*Task requirements*.
What is needed is every line of the data that includes the word "Steel". Please copy each one.

*Dataset extract*.
▼
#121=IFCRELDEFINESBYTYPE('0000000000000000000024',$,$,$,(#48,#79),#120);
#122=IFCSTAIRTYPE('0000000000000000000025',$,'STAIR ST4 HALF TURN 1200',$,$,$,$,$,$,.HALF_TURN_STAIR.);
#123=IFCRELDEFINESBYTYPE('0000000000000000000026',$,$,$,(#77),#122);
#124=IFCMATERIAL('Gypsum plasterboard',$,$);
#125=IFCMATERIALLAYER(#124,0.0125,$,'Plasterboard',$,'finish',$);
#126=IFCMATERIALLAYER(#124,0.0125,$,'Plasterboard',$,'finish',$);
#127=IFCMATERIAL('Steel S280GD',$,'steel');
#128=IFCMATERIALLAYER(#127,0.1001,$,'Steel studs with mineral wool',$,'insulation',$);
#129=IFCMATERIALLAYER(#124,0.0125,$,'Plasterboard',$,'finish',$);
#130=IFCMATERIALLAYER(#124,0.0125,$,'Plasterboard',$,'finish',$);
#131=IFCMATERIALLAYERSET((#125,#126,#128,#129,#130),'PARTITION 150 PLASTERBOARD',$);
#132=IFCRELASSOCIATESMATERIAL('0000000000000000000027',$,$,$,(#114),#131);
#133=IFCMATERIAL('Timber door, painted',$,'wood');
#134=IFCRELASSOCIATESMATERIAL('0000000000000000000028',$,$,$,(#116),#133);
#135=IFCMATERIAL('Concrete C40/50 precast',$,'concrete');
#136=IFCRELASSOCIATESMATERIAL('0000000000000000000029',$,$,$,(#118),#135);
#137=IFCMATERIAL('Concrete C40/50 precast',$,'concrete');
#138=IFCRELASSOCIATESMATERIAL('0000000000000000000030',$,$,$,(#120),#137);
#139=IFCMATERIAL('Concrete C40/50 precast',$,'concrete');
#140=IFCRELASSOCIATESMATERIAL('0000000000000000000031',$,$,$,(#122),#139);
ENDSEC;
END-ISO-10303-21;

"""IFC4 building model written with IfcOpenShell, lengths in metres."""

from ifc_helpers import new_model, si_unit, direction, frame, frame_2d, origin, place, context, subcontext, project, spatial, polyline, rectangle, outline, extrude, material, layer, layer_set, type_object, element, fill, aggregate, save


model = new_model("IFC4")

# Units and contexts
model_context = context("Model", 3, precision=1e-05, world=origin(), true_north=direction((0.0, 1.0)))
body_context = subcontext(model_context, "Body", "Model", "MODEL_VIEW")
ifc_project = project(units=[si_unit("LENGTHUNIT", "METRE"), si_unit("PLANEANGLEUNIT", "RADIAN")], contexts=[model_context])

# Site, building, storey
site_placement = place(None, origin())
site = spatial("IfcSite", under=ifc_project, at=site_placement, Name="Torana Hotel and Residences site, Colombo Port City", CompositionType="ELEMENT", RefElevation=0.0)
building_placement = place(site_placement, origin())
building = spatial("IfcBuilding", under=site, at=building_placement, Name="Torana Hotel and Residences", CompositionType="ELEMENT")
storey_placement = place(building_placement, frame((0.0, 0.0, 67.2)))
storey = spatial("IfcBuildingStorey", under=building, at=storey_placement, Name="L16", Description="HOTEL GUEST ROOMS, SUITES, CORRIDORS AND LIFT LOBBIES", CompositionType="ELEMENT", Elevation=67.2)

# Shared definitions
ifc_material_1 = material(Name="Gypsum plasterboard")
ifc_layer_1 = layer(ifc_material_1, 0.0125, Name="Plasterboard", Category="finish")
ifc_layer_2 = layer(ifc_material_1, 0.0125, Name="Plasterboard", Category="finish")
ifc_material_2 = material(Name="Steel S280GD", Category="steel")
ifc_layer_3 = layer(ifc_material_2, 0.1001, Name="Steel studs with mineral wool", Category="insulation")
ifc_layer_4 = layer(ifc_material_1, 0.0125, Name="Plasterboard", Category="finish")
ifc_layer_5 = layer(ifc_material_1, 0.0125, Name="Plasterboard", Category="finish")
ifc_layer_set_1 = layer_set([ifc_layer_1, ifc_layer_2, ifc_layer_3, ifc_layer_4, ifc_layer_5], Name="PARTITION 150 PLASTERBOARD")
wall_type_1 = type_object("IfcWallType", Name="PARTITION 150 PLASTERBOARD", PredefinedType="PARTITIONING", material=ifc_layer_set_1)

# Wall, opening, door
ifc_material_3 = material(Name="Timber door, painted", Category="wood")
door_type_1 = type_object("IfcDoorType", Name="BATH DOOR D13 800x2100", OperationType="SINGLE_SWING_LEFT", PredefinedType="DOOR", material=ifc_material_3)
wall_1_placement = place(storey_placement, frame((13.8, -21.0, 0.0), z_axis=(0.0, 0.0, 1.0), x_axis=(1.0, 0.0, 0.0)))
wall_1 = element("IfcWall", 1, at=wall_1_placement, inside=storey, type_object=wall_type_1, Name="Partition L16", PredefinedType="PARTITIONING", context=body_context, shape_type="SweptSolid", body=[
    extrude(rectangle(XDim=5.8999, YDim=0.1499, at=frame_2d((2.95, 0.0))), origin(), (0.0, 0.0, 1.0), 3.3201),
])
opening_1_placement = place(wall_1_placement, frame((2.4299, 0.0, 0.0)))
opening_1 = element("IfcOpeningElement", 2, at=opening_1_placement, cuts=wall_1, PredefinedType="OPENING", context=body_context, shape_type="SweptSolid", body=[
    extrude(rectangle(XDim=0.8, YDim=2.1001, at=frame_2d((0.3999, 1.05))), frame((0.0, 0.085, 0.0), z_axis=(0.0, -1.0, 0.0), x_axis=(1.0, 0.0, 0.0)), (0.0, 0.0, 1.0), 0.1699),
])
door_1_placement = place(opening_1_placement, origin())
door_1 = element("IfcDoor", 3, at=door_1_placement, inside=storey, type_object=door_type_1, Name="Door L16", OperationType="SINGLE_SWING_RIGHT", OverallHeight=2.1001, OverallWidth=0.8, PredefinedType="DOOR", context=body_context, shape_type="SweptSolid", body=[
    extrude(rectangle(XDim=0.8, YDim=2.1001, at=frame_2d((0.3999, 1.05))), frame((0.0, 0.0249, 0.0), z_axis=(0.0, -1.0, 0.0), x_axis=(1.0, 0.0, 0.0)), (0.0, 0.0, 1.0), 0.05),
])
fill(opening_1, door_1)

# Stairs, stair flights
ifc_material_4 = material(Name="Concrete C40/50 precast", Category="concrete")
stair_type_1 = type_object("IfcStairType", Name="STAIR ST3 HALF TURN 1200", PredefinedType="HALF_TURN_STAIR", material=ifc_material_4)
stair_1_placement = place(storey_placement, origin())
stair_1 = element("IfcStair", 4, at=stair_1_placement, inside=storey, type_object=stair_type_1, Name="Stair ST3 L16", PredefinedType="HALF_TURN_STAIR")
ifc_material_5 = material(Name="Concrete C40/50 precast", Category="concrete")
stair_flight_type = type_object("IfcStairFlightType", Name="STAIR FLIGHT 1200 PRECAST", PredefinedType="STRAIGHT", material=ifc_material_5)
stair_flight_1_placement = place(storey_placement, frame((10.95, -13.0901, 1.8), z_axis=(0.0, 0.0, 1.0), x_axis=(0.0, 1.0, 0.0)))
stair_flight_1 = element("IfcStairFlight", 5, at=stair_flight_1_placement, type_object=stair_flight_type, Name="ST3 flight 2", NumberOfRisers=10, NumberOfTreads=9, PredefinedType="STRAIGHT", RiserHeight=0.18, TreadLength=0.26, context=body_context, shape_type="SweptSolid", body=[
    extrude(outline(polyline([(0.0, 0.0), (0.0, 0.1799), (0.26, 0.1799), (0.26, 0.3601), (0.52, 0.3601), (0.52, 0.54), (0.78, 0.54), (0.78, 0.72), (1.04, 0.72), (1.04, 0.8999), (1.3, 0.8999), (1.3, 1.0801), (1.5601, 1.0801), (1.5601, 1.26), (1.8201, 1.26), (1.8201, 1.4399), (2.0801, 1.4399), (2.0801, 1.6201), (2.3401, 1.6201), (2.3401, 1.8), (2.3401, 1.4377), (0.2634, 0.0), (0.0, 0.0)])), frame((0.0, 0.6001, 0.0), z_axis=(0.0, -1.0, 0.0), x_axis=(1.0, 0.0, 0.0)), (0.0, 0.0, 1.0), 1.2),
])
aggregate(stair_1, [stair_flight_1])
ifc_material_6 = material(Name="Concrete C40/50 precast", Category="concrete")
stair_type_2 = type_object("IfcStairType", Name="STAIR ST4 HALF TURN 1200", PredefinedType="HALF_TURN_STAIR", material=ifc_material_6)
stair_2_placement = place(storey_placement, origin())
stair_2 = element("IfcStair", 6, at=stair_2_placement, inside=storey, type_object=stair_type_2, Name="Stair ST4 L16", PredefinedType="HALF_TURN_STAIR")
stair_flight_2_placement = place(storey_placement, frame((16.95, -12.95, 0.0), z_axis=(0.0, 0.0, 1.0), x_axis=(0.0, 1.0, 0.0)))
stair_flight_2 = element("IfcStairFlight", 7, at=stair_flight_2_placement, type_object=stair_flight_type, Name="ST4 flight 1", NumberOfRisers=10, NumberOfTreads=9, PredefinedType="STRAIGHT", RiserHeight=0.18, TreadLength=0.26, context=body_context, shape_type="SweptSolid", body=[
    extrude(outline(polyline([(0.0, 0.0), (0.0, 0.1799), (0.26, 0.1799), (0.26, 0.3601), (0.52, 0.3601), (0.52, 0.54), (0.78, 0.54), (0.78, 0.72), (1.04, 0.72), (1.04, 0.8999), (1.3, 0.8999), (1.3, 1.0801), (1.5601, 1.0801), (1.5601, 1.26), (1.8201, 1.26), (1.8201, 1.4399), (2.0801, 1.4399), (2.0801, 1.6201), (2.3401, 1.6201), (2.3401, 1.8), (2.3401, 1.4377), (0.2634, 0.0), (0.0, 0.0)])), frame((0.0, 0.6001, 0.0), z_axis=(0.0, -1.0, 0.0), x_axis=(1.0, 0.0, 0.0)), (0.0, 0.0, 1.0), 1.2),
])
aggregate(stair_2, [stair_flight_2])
▲
*Result for this exercise*.
#127=IFCMATERIAL('Steel S280GD',$,'steel');
#128=IFCMATERIALLAYER(#127,0.1001,$,'Steel studs with mineral wool',$,'insulation',$);
ifc_material_2 = material(Name="Steel S280GD", Category="steel")
ifc_layer_3 = layer(ifc_material_2, 0.1001, Name="Steel studs with mineral wool", Category="insulation")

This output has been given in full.